*Activity*
In the data that follows, find the line containing "lobby and fire"; then quote that line and every line after it, exactly, through the last one.

*Information provided*
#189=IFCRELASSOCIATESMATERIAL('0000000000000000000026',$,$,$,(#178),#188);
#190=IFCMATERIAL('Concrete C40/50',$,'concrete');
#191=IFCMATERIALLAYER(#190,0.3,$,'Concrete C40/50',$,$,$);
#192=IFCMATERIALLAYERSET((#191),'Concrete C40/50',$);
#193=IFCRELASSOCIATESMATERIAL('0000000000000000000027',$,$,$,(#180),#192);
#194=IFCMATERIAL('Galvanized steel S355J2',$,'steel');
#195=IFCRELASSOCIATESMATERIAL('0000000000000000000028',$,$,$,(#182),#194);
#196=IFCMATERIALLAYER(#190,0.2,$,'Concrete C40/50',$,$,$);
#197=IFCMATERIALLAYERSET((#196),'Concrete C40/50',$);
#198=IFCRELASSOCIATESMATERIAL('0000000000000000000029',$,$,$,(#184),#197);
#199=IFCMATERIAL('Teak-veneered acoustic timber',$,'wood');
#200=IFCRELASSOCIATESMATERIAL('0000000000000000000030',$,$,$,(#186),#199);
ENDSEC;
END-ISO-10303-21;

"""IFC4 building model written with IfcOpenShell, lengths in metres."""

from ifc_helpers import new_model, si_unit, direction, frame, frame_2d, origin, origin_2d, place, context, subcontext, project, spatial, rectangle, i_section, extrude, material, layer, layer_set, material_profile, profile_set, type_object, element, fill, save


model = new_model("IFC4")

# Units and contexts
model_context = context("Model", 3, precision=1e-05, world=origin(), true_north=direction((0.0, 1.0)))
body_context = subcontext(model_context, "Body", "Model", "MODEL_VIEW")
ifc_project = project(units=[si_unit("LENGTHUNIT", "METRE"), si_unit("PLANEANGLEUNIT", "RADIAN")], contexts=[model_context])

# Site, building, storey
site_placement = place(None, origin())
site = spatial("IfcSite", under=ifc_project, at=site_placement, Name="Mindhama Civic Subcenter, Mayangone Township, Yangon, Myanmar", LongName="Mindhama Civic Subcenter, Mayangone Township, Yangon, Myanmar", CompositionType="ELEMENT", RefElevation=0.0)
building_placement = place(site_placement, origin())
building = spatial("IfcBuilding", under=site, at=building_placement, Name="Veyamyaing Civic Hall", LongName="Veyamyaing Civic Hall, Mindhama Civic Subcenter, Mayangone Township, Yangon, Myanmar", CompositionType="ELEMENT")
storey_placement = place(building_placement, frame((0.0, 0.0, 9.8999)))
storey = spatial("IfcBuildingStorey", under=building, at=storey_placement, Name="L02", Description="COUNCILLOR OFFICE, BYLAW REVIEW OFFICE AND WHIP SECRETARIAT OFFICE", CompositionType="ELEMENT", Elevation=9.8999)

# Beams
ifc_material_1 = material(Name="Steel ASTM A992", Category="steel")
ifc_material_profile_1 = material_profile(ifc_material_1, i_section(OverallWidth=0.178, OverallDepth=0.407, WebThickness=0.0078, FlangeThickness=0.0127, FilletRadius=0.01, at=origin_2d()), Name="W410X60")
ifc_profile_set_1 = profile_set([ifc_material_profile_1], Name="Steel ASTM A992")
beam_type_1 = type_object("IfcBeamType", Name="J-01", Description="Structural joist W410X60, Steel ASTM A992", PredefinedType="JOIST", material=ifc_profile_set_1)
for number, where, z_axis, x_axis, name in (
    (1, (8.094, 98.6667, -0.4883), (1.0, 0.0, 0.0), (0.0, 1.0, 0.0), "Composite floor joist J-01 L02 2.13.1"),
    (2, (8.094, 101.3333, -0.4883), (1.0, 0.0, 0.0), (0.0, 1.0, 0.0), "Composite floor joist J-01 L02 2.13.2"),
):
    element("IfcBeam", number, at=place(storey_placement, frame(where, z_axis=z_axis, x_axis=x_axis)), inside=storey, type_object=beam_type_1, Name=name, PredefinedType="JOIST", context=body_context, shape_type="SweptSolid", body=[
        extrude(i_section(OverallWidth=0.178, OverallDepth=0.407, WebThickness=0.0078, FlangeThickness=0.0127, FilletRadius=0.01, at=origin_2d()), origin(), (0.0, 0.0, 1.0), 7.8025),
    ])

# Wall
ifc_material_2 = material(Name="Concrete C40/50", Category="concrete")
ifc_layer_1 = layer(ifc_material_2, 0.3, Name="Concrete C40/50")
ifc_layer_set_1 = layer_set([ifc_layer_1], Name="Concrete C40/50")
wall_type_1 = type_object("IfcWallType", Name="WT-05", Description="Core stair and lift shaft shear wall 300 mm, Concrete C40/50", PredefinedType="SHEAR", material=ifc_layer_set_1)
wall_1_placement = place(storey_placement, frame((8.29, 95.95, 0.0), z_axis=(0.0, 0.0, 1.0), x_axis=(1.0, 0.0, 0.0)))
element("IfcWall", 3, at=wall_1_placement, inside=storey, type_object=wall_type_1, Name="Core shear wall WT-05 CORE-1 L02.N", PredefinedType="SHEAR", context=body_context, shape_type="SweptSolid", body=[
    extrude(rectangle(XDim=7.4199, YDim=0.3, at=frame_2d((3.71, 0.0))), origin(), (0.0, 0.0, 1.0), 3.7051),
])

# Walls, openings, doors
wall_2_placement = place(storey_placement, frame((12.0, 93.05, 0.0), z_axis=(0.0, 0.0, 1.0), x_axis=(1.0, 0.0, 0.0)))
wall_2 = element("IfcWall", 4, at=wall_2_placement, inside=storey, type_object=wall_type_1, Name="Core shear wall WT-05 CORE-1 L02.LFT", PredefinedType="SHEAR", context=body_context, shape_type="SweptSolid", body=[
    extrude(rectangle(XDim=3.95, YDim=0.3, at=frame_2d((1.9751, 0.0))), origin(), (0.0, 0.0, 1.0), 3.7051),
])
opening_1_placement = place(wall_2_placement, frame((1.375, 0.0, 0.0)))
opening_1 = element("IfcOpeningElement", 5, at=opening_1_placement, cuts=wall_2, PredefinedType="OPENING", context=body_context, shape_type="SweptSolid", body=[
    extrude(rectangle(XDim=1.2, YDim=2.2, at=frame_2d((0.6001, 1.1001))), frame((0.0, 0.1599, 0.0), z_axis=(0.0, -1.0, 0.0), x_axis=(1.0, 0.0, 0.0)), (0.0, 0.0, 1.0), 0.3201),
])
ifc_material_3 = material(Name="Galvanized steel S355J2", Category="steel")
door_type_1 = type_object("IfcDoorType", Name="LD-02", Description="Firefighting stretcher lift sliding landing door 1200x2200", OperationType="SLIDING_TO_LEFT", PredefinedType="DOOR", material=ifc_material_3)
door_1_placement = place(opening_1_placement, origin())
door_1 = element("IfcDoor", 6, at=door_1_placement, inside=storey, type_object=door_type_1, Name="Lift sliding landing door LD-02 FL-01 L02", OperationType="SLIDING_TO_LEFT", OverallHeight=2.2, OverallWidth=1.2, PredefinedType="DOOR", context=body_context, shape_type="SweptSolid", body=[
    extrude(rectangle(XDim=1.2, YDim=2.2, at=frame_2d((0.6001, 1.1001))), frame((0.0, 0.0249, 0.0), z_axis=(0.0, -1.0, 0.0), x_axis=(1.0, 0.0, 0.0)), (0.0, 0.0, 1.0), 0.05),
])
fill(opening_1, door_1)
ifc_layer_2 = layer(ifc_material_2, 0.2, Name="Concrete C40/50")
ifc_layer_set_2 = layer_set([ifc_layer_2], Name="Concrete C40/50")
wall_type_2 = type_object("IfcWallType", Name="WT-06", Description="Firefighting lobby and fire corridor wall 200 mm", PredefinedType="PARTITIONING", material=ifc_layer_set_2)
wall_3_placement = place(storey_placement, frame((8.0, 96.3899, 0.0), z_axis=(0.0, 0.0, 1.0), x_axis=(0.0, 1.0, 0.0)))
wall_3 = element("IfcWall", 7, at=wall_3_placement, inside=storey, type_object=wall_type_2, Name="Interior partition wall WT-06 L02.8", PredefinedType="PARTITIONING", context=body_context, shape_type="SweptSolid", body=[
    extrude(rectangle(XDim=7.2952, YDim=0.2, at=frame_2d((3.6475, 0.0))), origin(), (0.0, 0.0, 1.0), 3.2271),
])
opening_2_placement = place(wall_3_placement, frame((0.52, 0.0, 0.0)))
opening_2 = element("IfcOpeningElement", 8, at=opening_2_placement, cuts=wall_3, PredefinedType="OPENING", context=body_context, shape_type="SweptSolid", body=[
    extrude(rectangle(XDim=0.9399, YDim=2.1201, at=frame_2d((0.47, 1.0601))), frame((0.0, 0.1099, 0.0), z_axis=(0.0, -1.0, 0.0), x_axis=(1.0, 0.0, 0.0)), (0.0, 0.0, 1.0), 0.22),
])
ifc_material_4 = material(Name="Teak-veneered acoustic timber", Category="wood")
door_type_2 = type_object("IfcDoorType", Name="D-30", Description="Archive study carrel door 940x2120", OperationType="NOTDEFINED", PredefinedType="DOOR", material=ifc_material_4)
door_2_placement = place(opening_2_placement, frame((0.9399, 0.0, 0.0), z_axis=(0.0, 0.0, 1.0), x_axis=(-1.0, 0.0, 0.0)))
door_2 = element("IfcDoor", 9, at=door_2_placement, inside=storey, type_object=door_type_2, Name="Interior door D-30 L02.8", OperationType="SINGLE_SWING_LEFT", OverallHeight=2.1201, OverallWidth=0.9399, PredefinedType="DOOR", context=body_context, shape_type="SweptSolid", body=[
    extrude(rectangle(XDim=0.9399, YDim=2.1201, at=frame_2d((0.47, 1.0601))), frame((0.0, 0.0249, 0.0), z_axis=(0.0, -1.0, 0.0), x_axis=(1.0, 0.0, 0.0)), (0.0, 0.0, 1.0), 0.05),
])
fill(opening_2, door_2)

*Task output*
wall_type_2 = type_object("IfcWallType", Name="WT-06", Description="Firefighting lobby and fire corridor wall 200 mm", PredefinedType="PARTITIONING", material=ifc_layer_set_2)
wall_3_placement = place(storey_placement, frame((8.0, 96.3899, 0.0), z_axis=(0.0, 0.0, 1.0), x_axis=(0.0, 1.0, 0.0)))
wall_3 = element("IfcWall", 7, at=wall_3_placement, inside=storey, type_object=wall_type_2, Name="Interior partition wall WT-06 L02.8", PredefinedType="PARTITIONING", context=body_context, shape_type="SweptSolid", body=[
    extrude(rectangle(XDim=7.2952, YDim=0.2, at=frame_2d((3.6475, 0.0))), origin(), (0.0, 0.0, 1.0), 3.2271),
])
opening_2_placement = place(wall_3_placement, frame((0.52, 0.0, 0.0)))
opening_2 = element("IfcOpeningElement", 8, at=opening_2_placement, cuts=wall_3, PredefinedType="OPENING", context=body_context, shape_type="SweptSolid", body=[
    extrude(rectangle(XDim=0.9399, YDim=2.1201, at=frame_2d((0.47, 1.0601))), frame((0.0, 0.1099, 0.0), z_axis=(0.0, -1.0, 0.0), x_axis=(1.0, 0.0, 0.0)), (0.0, 0.0, 1.0), 0.22),
])
ifc_material_4 = material(Name="Teak-veneered acoustic timber", Category="wood")
door_type_2 = type_object("IfcDoorType", Name="D-30", Description="Archive study carrel door 940x2120", OperationType="NOTDEFINED", PredefinedType="DOOR", material=ifc_material_4)
door_2_placement = place(opening_2_placement, frame((0.9399, 0.0, 0.0), z_axis=(0.0, 0.0, 1.0), x_axis=(-1.0, 0.0, 0.0)))
door_2 = element("IfcDoor", 9, at=door_2_placement, inside=storey, type_object=door_type_2, Name="Interior door D-30 L02.8", OperationType="SINGLE_SWING_LEFT", OverallHeight=2.1201, OverallWidth=0.9399, PredefinedType="DOOR", context=body_context, shape_type="SweptSolid", body=[
    extrude(rectangle(XDim=0.9399, YDim=2.1201, at=frame_2d((0.47, 1.0601))), frame((0.0, 0.0249, 0.0), z_axis=(0.0, -1.0, 0.0), x_axis=(1.0, 0.0, 0.0)), (0.0, 0.0, 1.0), 0.05),
])
fill(opening_2, door_2)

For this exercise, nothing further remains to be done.